### Data
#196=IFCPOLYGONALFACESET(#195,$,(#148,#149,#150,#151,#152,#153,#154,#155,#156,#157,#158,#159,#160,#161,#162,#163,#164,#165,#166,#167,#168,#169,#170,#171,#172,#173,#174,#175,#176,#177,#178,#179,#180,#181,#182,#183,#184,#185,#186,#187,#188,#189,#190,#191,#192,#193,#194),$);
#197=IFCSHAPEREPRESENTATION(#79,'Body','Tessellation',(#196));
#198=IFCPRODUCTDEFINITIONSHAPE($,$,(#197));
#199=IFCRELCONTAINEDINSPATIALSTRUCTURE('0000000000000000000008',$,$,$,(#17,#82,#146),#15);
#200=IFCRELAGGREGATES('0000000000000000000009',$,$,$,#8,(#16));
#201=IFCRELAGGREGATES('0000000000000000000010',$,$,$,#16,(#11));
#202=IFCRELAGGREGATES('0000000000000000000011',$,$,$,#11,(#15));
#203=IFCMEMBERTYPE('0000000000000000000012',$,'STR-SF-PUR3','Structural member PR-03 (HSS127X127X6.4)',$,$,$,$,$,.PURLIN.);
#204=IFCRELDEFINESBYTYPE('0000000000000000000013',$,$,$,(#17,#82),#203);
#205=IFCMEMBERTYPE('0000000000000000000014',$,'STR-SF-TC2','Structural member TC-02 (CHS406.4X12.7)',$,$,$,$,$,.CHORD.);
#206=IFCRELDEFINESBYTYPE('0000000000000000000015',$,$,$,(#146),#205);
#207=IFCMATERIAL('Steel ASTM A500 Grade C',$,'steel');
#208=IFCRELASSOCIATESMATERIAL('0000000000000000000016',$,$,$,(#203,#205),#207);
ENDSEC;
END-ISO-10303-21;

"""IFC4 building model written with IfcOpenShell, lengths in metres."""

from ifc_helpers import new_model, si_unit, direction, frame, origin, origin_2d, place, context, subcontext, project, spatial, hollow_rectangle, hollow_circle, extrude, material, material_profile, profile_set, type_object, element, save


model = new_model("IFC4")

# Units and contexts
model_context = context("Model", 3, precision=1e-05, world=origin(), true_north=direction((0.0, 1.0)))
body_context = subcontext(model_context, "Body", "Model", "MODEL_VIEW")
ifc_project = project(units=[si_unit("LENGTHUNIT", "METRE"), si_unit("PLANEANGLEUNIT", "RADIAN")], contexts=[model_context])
---
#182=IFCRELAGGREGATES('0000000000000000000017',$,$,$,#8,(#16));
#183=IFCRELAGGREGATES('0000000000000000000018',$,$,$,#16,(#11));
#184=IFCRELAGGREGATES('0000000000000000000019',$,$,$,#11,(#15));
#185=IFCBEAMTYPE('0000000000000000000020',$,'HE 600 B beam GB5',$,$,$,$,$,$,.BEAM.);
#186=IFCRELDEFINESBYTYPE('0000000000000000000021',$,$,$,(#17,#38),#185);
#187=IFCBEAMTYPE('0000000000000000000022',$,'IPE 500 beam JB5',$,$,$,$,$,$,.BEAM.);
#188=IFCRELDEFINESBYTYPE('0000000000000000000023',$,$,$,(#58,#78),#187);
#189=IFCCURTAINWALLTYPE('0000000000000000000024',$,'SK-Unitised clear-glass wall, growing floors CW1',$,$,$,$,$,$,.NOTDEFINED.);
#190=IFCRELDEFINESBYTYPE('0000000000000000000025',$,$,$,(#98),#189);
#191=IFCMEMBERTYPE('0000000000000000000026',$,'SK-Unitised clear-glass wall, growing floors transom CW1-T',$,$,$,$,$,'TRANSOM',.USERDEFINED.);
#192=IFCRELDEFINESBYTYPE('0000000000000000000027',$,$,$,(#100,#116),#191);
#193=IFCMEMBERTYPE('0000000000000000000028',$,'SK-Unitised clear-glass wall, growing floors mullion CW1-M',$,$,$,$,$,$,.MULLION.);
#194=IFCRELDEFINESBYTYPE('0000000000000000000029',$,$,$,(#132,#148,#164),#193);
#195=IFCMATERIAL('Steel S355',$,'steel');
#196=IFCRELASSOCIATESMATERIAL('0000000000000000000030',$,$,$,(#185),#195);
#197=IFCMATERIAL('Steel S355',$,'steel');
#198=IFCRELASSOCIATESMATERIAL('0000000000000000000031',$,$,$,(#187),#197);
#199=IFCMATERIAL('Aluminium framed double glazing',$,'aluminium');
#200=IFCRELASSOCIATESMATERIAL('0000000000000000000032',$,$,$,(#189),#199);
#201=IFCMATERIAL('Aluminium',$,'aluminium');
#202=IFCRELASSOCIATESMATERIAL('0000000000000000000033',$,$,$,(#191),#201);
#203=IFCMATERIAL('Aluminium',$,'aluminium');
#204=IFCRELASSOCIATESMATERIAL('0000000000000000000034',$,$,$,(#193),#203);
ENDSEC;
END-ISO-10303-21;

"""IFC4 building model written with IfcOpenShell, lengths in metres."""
* * *
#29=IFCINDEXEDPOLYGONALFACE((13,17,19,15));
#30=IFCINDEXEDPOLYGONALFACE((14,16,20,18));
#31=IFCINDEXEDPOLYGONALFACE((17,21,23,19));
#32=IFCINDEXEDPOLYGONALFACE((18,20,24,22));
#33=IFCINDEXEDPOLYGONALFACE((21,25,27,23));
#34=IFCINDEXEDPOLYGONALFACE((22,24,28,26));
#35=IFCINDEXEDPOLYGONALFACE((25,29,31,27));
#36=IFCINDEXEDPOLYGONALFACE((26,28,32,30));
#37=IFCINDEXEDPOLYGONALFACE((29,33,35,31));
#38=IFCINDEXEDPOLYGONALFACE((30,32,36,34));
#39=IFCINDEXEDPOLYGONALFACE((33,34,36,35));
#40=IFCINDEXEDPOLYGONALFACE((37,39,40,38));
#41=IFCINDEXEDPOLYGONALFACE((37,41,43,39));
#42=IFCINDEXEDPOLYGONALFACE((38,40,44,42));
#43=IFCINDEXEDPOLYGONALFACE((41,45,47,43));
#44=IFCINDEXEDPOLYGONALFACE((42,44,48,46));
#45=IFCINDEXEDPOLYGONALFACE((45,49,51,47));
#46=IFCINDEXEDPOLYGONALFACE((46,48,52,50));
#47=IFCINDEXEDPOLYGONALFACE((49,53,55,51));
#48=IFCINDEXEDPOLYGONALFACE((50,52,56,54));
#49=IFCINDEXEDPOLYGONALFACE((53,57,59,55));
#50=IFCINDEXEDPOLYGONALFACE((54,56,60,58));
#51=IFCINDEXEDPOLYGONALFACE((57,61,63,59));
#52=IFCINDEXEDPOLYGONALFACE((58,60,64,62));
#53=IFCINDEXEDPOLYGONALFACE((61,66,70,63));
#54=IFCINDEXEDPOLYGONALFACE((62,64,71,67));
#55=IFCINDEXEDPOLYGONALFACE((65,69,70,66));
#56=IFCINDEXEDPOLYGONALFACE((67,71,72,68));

### Directions
Check the listing above for "IFCRELASSOCIATESMATERIAL". Show every line where it turns up.

### Solution below
#208=IFCRELASSOCIATESMATERIAL('0000000000000000000016',$,$,$,(#203,#205),#207);
#196=IFCRELASSOCIATESMATERIAL('0000000000000000000030',$,$,$,(#185),#195);
#198=IFCRELASSOCIATESMATERIAL('0000000000000000000031',$,$,$,(#187),#197);
#200=IFCRELASSOCIATESMATERIAL('0000000000000000000032',$,$,$,(#189),#199);
#202=IFCRELASSOCIATESMATERIAL('0000000000000000000033',$,$,$,(#191),#201);
#204=IFCRELASSOCIATESMATERIAL('0000000000000000000034',$,$,$,(#193),#203);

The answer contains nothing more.